» Your assignment:
Everything from the first line below through the line with "#195=IFCRELAGGREGATES('0000000000000000000025',$,$,$,#11,(#15));" is to be transcribed exactly, and nothing past it.

» Data provided:
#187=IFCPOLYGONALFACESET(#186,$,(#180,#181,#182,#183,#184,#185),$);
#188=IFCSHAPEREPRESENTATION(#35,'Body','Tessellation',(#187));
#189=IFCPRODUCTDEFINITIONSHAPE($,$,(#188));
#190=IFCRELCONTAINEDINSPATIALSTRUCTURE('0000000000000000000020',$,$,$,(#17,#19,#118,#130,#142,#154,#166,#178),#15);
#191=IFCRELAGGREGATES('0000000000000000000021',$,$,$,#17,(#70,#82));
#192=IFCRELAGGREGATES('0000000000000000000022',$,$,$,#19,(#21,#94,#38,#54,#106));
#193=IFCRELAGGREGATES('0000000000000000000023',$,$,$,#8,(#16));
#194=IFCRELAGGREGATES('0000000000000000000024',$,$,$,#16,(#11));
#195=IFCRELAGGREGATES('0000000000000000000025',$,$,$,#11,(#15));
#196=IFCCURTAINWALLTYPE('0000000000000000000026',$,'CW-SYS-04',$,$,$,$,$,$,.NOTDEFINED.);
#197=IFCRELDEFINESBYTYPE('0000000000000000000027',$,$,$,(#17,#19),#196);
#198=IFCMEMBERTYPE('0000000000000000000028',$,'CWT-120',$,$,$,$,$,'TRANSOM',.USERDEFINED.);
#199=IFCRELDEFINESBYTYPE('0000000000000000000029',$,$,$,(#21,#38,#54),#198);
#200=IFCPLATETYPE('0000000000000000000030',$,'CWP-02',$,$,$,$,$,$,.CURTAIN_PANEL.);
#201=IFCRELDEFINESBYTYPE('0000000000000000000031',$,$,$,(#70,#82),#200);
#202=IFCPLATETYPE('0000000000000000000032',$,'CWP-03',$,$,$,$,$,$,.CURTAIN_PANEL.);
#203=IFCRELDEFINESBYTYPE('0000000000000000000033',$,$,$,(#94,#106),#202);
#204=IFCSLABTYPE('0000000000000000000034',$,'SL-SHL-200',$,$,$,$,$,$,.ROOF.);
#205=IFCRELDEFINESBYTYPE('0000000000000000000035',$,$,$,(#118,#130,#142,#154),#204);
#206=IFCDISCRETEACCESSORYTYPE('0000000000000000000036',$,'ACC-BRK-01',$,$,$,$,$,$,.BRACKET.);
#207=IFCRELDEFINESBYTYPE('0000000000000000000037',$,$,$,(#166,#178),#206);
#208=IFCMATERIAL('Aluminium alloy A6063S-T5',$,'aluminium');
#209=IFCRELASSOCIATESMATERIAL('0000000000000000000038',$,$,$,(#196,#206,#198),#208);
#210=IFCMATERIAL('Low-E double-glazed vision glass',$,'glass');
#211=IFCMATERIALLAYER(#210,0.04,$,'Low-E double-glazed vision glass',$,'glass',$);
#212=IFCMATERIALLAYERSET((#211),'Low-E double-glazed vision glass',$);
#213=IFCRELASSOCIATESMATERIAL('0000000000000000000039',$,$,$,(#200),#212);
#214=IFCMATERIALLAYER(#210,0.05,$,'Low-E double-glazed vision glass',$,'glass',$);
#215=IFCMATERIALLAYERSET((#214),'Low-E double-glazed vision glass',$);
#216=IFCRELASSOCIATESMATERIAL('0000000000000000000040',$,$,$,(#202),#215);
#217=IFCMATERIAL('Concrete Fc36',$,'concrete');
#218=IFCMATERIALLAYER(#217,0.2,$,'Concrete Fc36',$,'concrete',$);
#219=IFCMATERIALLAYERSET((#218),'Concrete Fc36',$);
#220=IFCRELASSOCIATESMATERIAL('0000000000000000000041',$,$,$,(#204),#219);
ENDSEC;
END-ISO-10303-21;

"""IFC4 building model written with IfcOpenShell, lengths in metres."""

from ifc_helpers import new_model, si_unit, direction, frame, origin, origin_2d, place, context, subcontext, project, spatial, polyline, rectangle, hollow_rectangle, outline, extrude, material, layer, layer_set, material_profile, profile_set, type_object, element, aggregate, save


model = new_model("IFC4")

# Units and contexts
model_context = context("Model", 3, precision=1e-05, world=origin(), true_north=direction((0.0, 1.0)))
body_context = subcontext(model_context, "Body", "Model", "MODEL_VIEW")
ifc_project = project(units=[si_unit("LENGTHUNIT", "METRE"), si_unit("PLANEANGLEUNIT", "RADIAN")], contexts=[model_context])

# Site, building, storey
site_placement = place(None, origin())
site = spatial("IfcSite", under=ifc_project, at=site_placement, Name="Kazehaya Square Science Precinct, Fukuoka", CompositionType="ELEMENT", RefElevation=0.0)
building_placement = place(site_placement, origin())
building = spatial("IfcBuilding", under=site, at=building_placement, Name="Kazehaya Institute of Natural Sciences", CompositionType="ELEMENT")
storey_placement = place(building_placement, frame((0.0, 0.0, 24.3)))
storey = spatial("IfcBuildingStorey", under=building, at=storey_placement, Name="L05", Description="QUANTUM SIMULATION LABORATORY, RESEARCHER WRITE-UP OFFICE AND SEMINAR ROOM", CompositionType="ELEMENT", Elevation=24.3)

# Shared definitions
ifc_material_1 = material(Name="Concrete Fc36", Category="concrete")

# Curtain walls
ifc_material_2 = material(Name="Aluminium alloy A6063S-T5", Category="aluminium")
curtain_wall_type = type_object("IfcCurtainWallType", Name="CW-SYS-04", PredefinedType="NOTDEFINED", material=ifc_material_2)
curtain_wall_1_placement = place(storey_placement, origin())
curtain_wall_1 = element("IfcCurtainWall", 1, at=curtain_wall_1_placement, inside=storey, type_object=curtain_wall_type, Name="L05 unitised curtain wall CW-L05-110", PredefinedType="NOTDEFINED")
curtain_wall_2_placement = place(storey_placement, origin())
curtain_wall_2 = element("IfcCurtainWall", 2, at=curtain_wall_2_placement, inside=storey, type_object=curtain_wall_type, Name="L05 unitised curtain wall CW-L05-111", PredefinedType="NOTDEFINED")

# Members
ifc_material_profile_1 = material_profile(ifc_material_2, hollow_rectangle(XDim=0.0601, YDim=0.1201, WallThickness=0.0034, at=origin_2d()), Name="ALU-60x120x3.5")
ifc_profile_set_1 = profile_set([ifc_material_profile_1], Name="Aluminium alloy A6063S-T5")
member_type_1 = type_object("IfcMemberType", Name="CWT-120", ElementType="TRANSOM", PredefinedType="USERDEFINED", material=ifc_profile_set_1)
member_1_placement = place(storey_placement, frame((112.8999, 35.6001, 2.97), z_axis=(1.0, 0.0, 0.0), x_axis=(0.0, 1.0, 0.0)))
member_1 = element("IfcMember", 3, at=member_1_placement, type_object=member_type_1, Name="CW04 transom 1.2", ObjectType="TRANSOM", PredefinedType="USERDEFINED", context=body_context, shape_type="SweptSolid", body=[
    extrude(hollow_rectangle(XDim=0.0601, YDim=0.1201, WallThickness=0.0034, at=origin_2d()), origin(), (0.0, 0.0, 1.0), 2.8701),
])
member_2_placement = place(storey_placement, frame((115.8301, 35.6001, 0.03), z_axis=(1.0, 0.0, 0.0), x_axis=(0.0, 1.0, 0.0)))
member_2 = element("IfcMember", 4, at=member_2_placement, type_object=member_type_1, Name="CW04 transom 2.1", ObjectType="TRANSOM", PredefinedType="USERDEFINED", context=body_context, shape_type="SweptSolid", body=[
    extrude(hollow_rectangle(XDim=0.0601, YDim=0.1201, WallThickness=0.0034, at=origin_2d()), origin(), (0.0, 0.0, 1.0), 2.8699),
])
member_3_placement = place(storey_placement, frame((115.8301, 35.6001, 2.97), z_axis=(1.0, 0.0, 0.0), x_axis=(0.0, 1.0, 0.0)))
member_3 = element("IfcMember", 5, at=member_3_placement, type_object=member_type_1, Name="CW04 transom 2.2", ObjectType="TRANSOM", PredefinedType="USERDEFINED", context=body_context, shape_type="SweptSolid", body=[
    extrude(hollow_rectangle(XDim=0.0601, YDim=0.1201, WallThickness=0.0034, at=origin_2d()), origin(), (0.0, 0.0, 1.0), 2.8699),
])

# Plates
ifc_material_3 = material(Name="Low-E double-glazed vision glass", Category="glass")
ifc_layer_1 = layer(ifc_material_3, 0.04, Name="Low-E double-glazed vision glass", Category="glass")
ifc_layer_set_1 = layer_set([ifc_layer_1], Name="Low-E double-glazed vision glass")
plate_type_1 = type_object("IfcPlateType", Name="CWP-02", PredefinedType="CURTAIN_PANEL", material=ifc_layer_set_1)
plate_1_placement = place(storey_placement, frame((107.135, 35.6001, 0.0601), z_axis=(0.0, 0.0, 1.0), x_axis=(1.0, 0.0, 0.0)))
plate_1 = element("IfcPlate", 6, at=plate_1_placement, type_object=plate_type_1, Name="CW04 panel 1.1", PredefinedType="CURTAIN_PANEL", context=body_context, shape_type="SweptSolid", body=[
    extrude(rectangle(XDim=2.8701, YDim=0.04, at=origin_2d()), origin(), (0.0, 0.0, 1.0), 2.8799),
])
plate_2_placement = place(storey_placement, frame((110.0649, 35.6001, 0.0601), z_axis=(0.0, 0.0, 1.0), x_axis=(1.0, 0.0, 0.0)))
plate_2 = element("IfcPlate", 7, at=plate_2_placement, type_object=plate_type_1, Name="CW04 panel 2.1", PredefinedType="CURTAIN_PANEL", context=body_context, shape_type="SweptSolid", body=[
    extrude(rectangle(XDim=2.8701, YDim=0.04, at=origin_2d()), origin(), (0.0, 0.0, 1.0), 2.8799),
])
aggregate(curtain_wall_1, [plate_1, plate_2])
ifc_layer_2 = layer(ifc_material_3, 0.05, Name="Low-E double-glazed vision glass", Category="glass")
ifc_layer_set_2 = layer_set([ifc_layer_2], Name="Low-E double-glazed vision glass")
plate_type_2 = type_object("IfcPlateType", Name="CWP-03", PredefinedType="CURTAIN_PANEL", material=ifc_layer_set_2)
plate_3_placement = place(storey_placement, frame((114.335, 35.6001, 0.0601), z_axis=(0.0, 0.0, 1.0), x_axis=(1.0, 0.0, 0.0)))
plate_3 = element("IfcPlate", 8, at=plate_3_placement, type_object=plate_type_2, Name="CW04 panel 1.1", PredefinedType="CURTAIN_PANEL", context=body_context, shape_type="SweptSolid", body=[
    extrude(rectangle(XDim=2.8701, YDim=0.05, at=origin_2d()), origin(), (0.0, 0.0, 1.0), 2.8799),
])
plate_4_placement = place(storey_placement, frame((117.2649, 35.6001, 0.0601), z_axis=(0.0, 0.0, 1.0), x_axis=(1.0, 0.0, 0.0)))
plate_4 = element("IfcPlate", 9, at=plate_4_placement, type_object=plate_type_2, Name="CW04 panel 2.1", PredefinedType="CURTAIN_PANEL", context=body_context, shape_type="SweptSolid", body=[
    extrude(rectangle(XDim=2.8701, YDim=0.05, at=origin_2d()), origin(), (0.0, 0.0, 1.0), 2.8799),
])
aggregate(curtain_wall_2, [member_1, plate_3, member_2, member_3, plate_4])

» Written response:
#187=IFCPOLYGONALFACESET(#186,$,(#180,#181,#182,#183,#184,#185),$);
#188=IFCSHAPEREPRESENTATION(#35,'Body','Tessellation',(#187));
#189=IFCPRODUCTDEFINITIONSHAPE($,$,(#188));
#190=IFCRELCONTAINEDINSPATIALSTRUCTURE('0000000000000000000020',$,$,$,(#17,#19,#118,#130,#142,#154,#166,#178),#15);
#191=IFCRELAGGREGATES('0000000000000000000021',$,$,$,#17,(#70,#82));
#192=IFCRELAGGREGATES('0000000000000000000022',$,$,$,#19,(#21,#94,#38,#54,#106));
#193=IFCRELAGGREGATES('0000000000000000000023',$,$,$,#8,(#16));
#194=IFCRELAGGREGATES('0000000000000000000024',$,$,$,#16,(#11));
#195=IFCRELAGGREGATES('0000000000000000000025',$,$,$,#11,(#15));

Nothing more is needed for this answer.